WHAT YOU WILL DO:
Below are records; quote them exactly from the first line through the line that contains "#220=IFCMATERIALLAYERSET((#219),'Glass clear laminated',$);".

━━━━━━

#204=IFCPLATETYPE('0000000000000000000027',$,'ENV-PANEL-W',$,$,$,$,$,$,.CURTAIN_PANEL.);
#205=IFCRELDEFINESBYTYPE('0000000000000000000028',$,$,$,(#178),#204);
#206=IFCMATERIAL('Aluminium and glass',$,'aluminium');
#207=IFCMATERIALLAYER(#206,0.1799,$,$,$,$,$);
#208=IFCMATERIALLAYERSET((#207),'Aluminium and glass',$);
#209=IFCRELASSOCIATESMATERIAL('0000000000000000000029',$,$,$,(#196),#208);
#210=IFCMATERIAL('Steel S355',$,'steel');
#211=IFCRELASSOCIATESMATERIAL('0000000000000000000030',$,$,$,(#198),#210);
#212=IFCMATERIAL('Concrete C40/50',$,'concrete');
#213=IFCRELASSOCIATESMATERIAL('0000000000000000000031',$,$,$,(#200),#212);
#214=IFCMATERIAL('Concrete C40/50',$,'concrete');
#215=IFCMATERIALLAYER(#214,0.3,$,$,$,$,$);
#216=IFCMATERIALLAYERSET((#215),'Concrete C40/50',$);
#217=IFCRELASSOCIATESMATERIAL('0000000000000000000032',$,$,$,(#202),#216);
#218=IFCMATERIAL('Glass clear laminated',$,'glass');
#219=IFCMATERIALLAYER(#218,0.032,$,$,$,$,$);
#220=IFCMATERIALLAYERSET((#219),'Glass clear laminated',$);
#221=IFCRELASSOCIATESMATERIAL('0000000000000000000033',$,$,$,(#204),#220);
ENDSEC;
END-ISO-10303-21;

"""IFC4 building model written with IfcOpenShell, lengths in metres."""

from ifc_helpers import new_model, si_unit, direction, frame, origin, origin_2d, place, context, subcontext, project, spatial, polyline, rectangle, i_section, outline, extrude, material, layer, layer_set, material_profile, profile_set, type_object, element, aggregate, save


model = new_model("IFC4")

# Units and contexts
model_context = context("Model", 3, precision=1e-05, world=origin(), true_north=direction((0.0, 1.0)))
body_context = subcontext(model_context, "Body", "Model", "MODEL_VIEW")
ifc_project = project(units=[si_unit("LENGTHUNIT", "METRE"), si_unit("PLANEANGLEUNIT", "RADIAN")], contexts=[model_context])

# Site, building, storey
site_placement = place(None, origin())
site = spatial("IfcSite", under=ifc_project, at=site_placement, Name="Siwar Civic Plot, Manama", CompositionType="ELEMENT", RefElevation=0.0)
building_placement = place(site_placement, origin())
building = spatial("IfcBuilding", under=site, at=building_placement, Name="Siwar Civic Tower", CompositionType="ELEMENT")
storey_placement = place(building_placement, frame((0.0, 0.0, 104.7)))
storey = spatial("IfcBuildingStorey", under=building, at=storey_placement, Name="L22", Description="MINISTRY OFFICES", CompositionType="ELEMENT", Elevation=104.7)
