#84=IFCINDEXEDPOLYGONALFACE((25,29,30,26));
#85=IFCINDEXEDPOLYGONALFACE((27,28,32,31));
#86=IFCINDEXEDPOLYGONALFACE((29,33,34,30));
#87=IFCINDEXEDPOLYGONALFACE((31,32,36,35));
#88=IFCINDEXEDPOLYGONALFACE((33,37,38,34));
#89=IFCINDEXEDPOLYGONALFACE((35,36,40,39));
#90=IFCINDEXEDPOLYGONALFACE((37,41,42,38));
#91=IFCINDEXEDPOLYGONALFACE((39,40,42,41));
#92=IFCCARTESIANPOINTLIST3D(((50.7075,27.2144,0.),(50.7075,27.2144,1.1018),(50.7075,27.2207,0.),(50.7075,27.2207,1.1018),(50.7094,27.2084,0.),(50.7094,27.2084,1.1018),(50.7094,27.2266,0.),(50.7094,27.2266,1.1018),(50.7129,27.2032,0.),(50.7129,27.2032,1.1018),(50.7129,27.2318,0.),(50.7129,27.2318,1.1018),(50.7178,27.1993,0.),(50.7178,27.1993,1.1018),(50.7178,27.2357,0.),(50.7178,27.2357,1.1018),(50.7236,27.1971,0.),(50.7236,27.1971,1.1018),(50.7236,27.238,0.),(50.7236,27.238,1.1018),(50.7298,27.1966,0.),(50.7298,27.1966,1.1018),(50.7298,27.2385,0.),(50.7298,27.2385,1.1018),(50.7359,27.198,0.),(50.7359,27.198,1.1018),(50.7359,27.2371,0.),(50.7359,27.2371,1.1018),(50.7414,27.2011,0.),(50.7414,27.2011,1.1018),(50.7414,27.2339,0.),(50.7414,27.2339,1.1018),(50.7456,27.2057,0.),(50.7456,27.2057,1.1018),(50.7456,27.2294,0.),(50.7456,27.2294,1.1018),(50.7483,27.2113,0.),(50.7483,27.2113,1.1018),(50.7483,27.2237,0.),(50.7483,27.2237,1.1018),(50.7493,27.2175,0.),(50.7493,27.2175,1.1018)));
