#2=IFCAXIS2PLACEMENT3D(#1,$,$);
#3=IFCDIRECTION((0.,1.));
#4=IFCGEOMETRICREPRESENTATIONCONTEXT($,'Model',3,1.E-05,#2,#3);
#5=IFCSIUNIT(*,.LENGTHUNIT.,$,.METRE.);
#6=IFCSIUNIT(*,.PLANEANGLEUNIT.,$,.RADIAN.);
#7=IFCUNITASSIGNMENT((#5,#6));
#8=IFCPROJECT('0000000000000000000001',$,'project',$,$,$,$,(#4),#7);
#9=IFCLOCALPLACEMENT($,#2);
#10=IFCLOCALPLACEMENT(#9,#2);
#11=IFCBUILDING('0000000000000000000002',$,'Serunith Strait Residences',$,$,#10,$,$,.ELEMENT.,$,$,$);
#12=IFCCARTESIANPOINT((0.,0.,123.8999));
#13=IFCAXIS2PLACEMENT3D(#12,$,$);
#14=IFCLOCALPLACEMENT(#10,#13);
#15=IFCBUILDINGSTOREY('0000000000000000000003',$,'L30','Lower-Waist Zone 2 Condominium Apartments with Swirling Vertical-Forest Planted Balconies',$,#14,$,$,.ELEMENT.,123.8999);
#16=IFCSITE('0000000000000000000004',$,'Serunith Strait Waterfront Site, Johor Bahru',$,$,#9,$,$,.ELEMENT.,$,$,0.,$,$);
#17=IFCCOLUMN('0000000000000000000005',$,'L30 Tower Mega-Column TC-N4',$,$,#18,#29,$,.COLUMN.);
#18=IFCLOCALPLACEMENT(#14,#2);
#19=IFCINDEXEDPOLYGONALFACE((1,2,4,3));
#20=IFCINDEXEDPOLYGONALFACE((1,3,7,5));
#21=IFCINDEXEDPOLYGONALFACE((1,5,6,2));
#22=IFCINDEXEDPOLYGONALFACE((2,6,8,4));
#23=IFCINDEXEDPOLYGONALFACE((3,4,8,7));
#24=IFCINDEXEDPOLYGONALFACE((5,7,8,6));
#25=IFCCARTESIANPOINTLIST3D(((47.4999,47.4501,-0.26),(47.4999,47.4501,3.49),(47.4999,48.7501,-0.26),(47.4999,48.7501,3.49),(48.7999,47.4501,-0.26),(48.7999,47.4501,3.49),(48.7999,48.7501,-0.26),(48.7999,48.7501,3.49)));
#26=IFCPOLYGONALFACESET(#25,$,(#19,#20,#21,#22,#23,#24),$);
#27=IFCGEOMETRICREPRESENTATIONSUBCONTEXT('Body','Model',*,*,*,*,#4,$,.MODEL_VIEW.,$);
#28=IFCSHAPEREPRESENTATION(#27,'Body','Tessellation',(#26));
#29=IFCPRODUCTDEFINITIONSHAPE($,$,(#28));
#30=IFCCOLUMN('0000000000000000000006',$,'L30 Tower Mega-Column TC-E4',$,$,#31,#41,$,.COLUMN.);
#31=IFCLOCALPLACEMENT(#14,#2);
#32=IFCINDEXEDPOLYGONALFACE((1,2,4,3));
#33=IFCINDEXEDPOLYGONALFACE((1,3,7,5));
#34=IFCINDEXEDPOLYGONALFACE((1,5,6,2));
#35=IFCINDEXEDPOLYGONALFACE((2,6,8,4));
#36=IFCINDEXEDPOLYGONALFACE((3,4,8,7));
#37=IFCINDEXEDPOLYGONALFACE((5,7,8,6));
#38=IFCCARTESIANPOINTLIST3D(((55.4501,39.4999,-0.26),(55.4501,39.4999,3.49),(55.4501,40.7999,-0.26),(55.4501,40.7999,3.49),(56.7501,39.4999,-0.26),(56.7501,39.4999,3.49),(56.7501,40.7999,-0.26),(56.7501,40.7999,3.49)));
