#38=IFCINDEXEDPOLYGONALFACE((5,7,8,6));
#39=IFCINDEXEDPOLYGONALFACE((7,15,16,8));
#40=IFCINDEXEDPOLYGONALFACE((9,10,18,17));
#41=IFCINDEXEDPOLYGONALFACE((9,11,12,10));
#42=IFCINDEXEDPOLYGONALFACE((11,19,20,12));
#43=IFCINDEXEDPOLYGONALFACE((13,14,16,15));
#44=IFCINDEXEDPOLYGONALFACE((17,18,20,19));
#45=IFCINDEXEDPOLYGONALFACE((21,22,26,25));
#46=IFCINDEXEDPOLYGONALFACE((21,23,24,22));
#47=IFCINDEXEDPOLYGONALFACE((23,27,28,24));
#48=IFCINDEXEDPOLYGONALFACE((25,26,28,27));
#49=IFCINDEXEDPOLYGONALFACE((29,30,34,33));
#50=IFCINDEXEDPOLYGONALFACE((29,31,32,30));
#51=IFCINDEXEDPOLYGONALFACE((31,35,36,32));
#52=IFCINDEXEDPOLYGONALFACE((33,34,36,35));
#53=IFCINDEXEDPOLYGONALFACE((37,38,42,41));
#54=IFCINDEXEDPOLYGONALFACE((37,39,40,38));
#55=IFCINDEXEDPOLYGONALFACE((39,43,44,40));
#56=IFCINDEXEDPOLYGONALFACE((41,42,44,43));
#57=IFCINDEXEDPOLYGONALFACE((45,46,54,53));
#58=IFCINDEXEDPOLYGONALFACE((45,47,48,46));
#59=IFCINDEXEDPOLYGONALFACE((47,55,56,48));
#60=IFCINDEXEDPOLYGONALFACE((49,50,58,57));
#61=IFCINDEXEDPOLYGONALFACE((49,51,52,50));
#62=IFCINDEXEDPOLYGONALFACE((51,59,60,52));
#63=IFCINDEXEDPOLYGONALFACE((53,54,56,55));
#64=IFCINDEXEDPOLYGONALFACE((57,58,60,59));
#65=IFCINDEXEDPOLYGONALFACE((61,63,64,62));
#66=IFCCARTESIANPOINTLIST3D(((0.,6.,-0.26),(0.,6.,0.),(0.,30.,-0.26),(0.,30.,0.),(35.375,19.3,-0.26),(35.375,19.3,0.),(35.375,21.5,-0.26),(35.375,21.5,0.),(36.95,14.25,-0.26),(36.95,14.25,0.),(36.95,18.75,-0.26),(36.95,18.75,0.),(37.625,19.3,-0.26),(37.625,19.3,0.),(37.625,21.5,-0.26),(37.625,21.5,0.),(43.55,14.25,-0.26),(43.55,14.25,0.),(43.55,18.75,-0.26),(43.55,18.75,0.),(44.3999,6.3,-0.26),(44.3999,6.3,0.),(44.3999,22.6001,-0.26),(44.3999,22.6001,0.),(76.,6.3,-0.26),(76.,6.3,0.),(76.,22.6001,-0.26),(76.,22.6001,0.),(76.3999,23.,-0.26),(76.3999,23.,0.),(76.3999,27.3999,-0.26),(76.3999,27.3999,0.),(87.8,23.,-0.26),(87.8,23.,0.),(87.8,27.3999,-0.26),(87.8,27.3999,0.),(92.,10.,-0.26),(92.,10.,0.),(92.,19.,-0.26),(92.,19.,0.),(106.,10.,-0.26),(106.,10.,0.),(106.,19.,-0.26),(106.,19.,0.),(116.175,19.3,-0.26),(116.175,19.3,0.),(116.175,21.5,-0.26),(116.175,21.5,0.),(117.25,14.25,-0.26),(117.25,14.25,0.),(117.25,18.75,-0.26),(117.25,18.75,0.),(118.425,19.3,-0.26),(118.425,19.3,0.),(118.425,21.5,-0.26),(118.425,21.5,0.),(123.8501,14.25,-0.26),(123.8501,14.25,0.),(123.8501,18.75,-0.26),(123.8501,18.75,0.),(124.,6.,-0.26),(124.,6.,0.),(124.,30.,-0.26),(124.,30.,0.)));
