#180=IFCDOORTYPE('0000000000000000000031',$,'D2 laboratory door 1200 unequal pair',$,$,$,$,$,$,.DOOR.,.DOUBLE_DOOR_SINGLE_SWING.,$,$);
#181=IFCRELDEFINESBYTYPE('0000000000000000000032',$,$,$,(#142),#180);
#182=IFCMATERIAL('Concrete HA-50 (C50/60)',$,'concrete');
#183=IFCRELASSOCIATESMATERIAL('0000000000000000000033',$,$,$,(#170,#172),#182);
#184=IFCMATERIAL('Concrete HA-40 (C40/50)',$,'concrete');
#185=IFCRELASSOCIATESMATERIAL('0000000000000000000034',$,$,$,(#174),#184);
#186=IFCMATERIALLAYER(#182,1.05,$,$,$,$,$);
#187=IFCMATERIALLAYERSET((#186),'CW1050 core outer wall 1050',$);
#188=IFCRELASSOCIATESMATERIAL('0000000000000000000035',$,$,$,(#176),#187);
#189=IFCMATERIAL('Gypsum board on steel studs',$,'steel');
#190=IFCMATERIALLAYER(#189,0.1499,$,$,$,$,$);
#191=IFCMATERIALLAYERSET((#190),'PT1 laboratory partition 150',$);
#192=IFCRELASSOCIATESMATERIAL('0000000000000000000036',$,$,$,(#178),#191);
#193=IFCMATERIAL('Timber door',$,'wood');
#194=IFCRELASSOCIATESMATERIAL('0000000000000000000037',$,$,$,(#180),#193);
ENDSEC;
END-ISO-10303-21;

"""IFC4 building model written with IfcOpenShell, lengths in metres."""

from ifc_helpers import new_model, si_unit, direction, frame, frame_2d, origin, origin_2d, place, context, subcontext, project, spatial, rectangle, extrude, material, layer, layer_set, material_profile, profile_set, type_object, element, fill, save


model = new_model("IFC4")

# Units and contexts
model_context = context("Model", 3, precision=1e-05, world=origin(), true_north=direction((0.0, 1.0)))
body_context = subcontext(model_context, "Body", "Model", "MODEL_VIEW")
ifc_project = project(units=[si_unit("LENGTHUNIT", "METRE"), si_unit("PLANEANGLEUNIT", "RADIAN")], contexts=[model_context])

━━━━━━

WRITTEN ANSWER:
#204=IFCPLATETYPE('0000000000000000000027',$,'ENV-PANEL-W',$,$,$,$,$,$,.CURTAIN_PANEL.);
#205=IFCRELDEFINESBYTYPE('0000000000000000000028',$,$,$,(#178),#204);
#206=IFCMATERIAL('Aluminium and glass',$,'aluminium');
#207=IFCMATERIALLAYER(#206,0.1799,$,$,$,$,$);
#208=IFCMATERIALLAYERSET((#207),'Aluminium and glass',$);
#209=IFCRELASSOCIATESMATERIAL('0000000000000000000029',$,$,$,(#196),#208);
#210=IFCMATERIAL('Steel S355',$,'steel');
#211=IFCRELASSOCIATESMATERIAL('0000000000000000000030',$,$,$,(#198),#210);
#212=IFCMATERIAL('Concrete C40/50',$,'concrete');
#213=IFCRELASSOCIATESMATERIAL('0000000000000000000031',$,$,$,(#200),#212);
#214=IFCMATERIAL('Concrete C40/50',$,'concrete');
#215=IFCMATERIALLAYER(#214,0.3,$,$,$,$,$);
#216=IFCMATERIALLAYERSET((#215),'Concrete C40/50',$);
#217=IFCRELASSOCIATESMATERIAL('0000000000000000000032',$,$,$,(#202),#216);
#218=IFCMATERIAL('Glass clear laminated',$,'glass');
#219=IFCMATERIALLAYER(#218,0.032,$,$,$,$,$);
#220=IFCMATERIALLAYERSET((#219),'Glass clear laminated',$);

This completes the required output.